→ **WHAT IS NEEDED**
Return, exactly and in full, the lines of the records below starting at the one with "# Site, building, storey" and ending at the one with "curtain_wall_1_placement = place(storey_placement, origin())", and no other lines.

Dataset entries

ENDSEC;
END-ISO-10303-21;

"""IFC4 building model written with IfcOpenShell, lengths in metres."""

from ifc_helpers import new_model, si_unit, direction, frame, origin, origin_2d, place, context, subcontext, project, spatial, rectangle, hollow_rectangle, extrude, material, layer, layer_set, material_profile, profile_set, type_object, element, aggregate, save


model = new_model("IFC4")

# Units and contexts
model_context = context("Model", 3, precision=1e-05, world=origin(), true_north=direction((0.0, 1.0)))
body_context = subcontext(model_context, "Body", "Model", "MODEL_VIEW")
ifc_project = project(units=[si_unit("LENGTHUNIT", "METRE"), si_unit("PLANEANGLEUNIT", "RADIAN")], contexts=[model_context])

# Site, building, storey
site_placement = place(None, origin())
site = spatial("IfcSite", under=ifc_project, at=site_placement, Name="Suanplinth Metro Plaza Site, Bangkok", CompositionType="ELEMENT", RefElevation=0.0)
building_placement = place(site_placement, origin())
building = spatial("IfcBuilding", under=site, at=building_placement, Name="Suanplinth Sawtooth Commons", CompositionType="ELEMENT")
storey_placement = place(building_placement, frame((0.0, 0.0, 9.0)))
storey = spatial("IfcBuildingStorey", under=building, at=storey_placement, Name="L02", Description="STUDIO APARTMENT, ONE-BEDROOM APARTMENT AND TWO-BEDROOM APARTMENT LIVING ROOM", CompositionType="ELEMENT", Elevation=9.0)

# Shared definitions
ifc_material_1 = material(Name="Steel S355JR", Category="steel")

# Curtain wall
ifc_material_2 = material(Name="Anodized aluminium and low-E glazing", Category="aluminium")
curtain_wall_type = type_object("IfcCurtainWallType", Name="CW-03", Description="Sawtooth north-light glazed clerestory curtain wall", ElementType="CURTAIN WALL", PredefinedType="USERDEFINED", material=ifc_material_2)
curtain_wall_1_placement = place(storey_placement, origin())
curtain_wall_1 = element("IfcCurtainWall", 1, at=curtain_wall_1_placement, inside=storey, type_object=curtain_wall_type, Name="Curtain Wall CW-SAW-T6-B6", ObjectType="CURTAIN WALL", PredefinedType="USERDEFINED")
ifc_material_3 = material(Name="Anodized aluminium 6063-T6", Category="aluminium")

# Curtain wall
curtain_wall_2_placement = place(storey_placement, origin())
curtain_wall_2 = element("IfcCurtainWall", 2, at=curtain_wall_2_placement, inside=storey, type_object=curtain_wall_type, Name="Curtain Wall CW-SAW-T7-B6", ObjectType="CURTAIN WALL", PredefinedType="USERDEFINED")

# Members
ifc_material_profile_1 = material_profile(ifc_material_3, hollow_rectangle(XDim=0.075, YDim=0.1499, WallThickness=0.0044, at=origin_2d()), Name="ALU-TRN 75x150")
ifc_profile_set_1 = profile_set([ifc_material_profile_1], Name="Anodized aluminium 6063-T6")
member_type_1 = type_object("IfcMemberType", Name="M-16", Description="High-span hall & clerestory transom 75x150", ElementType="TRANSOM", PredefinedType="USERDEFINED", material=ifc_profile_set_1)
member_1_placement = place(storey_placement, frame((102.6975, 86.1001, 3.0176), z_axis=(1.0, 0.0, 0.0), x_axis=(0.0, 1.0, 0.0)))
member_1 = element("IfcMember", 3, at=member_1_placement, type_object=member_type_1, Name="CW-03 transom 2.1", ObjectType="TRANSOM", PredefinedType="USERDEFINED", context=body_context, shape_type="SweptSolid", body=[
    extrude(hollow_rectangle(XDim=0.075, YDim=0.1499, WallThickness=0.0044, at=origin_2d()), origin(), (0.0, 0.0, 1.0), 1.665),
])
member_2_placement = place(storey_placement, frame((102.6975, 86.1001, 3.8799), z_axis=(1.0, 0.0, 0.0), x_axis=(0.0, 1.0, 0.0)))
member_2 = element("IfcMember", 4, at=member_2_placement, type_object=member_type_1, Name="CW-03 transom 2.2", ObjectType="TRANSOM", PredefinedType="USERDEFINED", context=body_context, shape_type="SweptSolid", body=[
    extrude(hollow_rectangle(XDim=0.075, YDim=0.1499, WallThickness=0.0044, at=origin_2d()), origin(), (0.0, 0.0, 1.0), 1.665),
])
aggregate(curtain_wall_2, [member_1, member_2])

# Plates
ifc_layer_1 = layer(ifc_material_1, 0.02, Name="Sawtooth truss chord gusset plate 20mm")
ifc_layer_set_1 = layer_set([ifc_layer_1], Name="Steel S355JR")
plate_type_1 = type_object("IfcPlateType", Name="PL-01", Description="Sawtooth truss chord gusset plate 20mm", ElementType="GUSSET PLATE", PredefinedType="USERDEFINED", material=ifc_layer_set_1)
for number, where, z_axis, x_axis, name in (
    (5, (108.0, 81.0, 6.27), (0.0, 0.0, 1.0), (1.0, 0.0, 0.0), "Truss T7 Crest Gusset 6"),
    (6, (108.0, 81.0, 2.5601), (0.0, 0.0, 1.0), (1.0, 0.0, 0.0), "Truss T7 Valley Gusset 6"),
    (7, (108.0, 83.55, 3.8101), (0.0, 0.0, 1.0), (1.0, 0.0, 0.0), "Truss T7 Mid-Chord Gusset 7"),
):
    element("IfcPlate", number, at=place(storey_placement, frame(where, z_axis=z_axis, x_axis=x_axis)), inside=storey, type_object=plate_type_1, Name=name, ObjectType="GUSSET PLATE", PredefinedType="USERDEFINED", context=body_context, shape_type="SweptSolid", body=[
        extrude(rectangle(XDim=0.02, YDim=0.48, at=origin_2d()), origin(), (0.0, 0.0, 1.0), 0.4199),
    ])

→ **EXERCISE OUTPUT**
# Site, building, storey
site_placement = place(None, origin())
site = spatial("IfcSite", under=ifc_project, at=site_placement, Name="Suanplinth Metro Plaza Site, Bangkok", CompositionType="ELEMENT", RefElevation=0.0)
building_placement = place(site_placement, origin())
building = spatial("IfcBuilding", under=site, at=building_placement, Name="Suanplinth Sawtooth Commons", CompositionType="ELEMENT")
storey_placement = place(building_placement, frame((0.0, 0.0, 9.0)))
storey = spatial("IfcBuildingStorey", under=building, at=storey_placement, Name="L02", Description="STUDIO APARTMENT, ONE-BEDROOM APARTMENT AND TWO-BEDROOM APARTMENT LIVING ROOM", CompositionType="ELEMENT", Elevation=9.0)

# Shared definitions
ifc_material_1 = material(Name="Steel S355JR", Category="steel")

# Curtain wall
ifc_material_2 = material(Name="Anodized aluminium and low-E glazing", Category="aluminium")
curtain_wall_type = type_object("IfcCurtainWallType", Name="CW-03", Description="Sawtooth north-light glazed clerestory curtain wall", ElementType="CURTAIN WALL", PredefinedType="USERDEFINED", material=ifc_material_2)
curtain_wall_1_placement = place(storey_placement, origin())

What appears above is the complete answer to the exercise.